▶ [Task to carry out]
Which of the lines below contain the string "GUARDRAIL"? Copy each one.

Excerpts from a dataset
_ _ _ _ _ _ _
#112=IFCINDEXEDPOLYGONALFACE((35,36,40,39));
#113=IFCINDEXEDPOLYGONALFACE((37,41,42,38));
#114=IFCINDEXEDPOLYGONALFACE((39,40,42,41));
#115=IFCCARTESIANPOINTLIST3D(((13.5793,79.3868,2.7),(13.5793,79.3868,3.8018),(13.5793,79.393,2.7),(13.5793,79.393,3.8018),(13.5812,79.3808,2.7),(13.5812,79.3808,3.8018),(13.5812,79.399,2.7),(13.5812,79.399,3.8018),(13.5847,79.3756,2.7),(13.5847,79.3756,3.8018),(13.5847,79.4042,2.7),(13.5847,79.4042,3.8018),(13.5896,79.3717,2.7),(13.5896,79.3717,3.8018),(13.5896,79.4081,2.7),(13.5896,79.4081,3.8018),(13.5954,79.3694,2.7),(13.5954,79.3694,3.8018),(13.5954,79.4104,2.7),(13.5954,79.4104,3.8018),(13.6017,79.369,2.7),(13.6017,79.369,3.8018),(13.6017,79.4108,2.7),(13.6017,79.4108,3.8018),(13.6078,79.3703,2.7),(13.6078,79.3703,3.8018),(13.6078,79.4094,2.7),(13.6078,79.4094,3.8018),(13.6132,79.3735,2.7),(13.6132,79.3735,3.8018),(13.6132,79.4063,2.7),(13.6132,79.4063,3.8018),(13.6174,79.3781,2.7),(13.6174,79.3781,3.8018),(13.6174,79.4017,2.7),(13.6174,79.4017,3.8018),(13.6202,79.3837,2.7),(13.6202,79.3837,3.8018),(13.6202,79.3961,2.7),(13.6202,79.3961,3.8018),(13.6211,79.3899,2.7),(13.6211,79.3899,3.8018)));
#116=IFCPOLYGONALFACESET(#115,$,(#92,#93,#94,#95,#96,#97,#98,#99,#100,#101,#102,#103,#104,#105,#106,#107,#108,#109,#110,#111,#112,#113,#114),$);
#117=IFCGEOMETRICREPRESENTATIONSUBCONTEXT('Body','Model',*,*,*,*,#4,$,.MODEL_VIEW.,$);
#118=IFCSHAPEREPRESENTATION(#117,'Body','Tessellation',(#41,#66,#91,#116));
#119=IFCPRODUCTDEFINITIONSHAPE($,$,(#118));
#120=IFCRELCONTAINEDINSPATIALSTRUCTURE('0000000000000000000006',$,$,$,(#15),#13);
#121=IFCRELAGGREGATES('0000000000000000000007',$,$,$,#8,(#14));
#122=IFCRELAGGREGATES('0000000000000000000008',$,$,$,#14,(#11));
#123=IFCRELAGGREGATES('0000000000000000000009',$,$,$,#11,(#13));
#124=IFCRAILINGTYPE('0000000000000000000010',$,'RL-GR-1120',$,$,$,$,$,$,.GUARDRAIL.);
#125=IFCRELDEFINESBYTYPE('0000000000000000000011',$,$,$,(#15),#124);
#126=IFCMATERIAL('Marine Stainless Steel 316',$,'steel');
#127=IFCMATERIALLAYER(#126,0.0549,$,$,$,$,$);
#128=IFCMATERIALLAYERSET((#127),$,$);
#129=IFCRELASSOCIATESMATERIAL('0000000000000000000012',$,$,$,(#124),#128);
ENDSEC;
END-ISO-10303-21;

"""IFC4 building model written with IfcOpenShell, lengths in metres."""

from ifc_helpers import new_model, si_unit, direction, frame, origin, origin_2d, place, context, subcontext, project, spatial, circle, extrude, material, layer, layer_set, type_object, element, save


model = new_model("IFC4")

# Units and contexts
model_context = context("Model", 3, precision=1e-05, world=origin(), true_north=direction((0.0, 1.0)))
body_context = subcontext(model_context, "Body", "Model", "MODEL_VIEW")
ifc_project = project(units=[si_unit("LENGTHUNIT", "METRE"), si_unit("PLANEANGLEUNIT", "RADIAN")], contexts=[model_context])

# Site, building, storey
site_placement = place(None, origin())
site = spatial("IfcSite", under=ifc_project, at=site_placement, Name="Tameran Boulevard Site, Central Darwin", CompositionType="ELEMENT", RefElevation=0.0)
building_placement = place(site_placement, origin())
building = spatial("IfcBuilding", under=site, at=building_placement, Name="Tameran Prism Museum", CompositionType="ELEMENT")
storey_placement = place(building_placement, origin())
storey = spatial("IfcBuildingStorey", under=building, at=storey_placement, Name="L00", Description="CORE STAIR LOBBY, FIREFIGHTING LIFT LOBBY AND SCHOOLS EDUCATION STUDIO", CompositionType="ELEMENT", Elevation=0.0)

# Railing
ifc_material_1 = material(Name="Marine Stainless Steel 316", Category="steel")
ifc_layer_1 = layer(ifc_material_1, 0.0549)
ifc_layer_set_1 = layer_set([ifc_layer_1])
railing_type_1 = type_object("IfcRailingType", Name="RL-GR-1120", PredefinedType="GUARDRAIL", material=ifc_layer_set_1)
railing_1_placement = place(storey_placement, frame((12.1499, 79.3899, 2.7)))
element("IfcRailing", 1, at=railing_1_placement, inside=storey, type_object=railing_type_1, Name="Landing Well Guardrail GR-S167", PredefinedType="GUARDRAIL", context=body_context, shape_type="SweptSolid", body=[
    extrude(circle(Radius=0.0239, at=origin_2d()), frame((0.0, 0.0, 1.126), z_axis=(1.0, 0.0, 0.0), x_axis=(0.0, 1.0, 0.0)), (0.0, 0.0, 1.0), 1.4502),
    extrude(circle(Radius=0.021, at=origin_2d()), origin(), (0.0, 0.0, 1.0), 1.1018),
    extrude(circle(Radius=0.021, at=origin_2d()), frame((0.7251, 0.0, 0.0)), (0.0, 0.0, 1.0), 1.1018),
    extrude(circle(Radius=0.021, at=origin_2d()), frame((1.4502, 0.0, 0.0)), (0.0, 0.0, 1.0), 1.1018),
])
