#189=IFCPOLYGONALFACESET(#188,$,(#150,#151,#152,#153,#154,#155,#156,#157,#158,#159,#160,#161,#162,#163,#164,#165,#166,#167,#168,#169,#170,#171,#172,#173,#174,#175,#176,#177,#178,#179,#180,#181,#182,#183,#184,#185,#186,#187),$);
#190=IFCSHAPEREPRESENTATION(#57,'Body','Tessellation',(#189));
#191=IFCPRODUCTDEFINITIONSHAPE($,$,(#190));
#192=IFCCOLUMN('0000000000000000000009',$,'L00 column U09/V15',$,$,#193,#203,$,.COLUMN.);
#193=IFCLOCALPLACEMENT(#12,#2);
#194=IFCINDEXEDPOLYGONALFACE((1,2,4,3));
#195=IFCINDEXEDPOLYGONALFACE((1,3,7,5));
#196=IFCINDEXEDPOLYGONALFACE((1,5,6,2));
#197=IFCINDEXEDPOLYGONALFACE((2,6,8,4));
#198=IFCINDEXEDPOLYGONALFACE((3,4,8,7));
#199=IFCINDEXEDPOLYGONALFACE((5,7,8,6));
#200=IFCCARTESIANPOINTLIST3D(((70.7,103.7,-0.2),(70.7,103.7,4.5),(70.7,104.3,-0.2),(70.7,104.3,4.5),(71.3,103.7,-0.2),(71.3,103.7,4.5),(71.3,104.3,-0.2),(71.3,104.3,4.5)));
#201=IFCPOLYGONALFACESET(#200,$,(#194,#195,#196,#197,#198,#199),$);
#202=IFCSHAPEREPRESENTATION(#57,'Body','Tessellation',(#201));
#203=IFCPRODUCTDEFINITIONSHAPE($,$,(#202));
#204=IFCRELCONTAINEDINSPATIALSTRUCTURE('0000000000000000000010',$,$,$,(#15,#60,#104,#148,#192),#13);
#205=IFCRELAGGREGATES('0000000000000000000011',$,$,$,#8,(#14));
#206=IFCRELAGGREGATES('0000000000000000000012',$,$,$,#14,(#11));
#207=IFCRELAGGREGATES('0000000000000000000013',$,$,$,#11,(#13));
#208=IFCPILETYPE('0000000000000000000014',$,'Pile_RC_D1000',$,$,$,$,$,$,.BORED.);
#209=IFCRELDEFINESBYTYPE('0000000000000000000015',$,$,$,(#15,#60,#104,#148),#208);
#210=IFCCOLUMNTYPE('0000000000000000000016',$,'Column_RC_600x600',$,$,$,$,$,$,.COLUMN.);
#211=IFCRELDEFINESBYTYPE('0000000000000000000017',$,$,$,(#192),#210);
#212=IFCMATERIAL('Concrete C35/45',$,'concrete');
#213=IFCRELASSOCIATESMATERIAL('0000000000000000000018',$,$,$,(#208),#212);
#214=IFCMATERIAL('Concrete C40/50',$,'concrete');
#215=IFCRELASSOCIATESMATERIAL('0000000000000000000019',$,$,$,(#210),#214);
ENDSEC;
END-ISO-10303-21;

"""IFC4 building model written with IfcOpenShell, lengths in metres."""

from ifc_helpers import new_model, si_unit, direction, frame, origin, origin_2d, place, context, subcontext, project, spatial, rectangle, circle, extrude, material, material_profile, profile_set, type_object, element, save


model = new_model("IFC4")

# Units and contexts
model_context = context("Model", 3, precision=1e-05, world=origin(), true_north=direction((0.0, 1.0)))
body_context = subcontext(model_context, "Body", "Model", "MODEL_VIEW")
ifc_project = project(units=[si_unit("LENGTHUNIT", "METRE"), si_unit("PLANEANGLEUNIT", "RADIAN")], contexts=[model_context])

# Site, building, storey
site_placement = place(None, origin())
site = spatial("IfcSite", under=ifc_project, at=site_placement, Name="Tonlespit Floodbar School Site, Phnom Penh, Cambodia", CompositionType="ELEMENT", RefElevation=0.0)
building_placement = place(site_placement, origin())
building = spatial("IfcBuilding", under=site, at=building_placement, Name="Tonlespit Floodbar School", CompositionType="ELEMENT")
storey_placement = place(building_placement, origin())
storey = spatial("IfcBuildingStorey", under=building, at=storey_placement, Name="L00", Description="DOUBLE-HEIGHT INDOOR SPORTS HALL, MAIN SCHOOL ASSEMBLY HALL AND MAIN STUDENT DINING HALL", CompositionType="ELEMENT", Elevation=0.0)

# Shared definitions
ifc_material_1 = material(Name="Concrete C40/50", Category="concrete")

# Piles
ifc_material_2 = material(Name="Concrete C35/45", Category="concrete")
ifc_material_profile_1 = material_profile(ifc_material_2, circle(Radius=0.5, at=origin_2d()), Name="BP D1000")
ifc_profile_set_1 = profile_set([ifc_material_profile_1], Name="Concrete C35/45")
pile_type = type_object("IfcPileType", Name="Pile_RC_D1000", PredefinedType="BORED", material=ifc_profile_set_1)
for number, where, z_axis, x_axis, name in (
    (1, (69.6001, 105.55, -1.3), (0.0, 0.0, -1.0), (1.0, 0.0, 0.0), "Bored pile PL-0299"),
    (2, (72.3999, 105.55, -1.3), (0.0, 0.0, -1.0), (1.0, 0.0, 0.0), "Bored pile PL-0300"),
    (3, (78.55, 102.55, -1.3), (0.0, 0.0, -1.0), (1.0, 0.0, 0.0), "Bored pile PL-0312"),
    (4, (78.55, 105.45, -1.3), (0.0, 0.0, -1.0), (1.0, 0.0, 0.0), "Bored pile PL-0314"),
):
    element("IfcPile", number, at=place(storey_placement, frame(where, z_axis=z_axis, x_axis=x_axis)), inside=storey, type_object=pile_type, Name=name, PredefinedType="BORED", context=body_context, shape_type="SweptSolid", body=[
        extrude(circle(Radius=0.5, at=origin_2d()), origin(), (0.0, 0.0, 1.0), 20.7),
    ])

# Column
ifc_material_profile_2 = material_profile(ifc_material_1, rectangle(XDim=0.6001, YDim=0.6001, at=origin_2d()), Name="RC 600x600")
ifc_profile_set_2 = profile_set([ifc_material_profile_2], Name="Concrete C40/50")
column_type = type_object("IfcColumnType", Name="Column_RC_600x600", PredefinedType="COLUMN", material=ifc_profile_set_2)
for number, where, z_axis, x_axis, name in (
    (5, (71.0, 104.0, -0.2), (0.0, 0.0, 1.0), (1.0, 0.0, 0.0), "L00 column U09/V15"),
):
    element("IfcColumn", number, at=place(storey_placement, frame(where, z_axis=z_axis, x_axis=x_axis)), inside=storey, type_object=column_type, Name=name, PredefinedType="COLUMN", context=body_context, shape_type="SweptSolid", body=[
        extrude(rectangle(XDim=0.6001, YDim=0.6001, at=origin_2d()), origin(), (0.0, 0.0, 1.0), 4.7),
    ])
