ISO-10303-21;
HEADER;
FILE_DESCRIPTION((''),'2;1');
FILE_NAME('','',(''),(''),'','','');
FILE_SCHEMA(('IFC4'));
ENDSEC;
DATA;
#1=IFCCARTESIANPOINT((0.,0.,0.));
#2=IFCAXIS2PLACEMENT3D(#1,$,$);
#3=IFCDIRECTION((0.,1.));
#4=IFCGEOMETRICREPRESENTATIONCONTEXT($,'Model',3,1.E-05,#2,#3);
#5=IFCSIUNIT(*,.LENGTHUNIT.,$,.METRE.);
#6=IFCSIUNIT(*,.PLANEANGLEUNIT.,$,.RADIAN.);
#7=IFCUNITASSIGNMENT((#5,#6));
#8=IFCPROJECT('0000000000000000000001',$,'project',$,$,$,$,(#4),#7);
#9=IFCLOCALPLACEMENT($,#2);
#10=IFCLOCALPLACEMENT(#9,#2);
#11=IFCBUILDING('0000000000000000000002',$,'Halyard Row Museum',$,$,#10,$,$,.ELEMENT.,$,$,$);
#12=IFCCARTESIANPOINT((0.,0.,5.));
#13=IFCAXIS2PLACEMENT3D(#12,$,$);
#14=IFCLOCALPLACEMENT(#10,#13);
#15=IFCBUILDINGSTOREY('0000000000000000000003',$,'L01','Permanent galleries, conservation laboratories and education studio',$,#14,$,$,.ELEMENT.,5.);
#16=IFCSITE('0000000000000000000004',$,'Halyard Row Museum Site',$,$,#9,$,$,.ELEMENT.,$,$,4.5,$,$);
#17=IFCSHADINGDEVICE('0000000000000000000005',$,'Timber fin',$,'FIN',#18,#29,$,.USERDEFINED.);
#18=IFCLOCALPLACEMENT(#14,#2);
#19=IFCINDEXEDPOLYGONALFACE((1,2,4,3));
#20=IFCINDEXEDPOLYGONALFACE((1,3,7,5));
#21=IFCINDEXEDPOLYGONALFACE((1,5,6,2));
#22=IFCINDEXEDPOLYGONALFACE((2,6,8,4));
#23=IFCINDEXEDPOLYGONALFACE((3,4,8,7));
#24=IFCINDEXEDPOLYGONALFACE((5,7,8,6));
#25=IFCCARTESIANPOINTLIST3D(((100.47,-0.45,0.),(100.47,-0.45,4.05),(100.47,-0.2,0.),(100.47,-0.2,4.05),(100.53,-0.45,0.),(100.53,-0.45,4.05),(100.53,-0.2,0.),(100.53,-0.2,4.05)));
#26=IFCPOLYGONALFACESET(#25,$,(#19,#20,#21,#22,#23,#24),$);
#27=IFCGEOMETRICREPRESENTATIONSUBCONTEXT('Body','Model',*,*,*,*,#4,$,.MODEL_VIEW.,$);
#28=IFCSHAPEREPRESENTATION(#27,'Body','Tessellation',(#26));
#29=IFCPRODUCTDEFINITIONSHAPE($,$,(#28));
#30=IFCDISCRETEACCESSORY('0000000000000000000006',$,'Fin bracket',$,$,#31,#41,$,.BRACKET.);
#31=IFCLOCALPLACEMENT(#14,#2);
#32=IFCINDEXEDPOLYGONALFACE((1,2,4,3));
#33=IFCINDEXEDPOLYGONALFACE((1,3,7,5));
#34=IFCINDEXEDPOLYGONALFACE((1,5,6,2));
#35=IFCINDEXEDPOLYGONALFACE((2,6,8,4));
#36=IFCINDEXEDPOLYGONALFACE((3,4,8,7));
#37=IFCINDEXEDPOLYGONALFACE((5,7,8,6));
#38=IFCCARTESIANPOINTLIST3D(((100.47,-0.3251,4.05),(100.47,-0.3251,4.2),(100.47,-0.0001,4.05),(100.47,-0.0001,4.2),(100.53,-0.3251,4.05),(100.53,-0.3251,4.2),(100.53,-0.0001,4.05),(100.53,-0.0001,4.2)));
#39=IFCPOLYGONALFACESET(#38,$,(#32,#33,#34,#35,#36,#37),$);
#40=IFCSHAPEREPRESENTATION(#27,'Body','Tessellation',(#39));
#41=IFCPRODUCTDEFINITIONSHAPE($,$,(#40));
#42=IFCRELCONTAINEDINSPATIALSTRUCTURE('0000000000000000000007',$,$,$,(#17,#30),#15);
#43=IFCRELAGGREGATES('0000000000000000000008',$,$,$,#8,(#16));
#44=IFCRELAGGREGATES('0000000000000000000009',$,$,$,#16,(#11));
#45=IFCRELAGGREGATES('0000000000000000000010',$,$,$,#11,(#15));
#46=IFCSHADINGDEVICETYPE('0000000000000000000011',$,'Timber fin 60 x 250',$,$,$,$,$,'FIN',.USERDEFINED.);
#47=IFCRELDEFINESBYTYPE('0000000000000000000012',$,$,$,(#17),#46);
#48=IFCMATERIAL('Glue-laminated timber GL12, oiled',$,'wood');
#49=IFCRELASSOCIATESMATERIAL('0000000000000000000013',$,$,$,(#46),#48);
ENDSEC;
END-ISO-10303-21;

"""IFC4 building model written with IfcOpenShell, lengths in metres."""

from ifc_helpers import new_model, si_unit, direction, frame, origin, origin_2d, place, context, subcontext, project, spatial, rectangle, extrude, material, type_object, element, save


model = new_model("IFC4")

# Units and contexts
model_context = context("Model", 3, precision=1e-05, world=origin(), true_north=direction((0.0, 1.0)))
body_context = subcontext(model_context, "Body", "Model", "MODEL_VIEW")
ifc_project = project(units=[si_unit("LENGTHUNIT", "METRE"), si_unit("PLANEANGLEUNIT", "RADIAN")], contexts=[model_context])

# Site, building, storey
site_placement = place(None, origin())
site = spatial("IfcSite", under=ifc_project, at=site_placement, Name="Halyard Row Museum Site", CompositionType="ELEMENT", RefElevation=4.5)
building_placement = place(site_placement, origin())
building = spatial("IfcBuilding", under=site, at=building_placement, Name="Halyard Row Museum", CompositionType="ELEMENT")
storey_placement = place(building_placement, frame((0.0, 0.0, 5.0)))
storey = spatial("IfcBuildingStorey", under=building, at=storey_placement, Name="L01", Description="Permanent galleries, conservation laboratories and education studio", CompositionType="ELEMENT", Elevation=5.0)

# Shading device
ifc_material_1 = material(Name="Glue-laminated timber GL12, oiled", Category="wood")
shading_device_type = type_object("IfcShadingDeviceType", Name="Timber fin 60 x 250", ElementType="FIN", PredefinedType="USERDEFINED", material=ifc_material_1)
shading_device_placement = place(storey_placement, frame((100.5, -0.325, 0.0), z_axis=(0.0, 0.0, 1.0), x_axis=(1.0, 0.0, 0.0)))
element("IfcShadingDevice", 1, at=shading_device_placement, inside=storey, type_object=shading_device_type, Name="Timber fin", ObjectType="FIN", PredefinedType="USERDEFINED", context=body_context, shape_type="SweptSolid", body=[
    extrude(rectangle(XDim=0.0601, YDim=0.25, at=origin_2d()), origin(), (0.0, 0.0, 1.0), 4.05),
])

# Discrete accessory
discrete_accessory_placement = place(storey_placement, frame((100.5, -0.1626, 4.05), z_axis=(0.0, 0.0, 1.0), x_axis=(1.0, 0.0, 0.0)))
element("IfcDiscreteAccessory", 2, at=discrete_accessory_placement, inside=storey, Name="Fin bracket", PredefinedType="BRACKET", context=body_context, shape_type="SweptSolid", body=[
    extrude(rectangle(XDim=0.0601, YDim=0.325, at=origin_2d()), origin(), (0.0, 0.0, 1.0), 0.1499),
])

save(model, "model.ifc")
_ _ _ _ _ _ _
▶ [Answer to this problem]
#124=IFCRAILINGTYPE('0000000000000000000010',$,'RL-GR-1120',$,$,$,$,$,$,.GUARDRAIL.);
railing_type_1 = type_object("IfcRailingType", Name="RL-GR-1120", PredefinedType="GUARDRAIL", material=ifc_layer_set_1)
element("IfcRailing", 1, at=railing_1_placement, inside=storey, type_object=railing_type_1, Name="Landing Well Guardrail GR-S167", PredefinedType="GUARDRAIL", context=body_context, shape_type="SweptSolid", body=[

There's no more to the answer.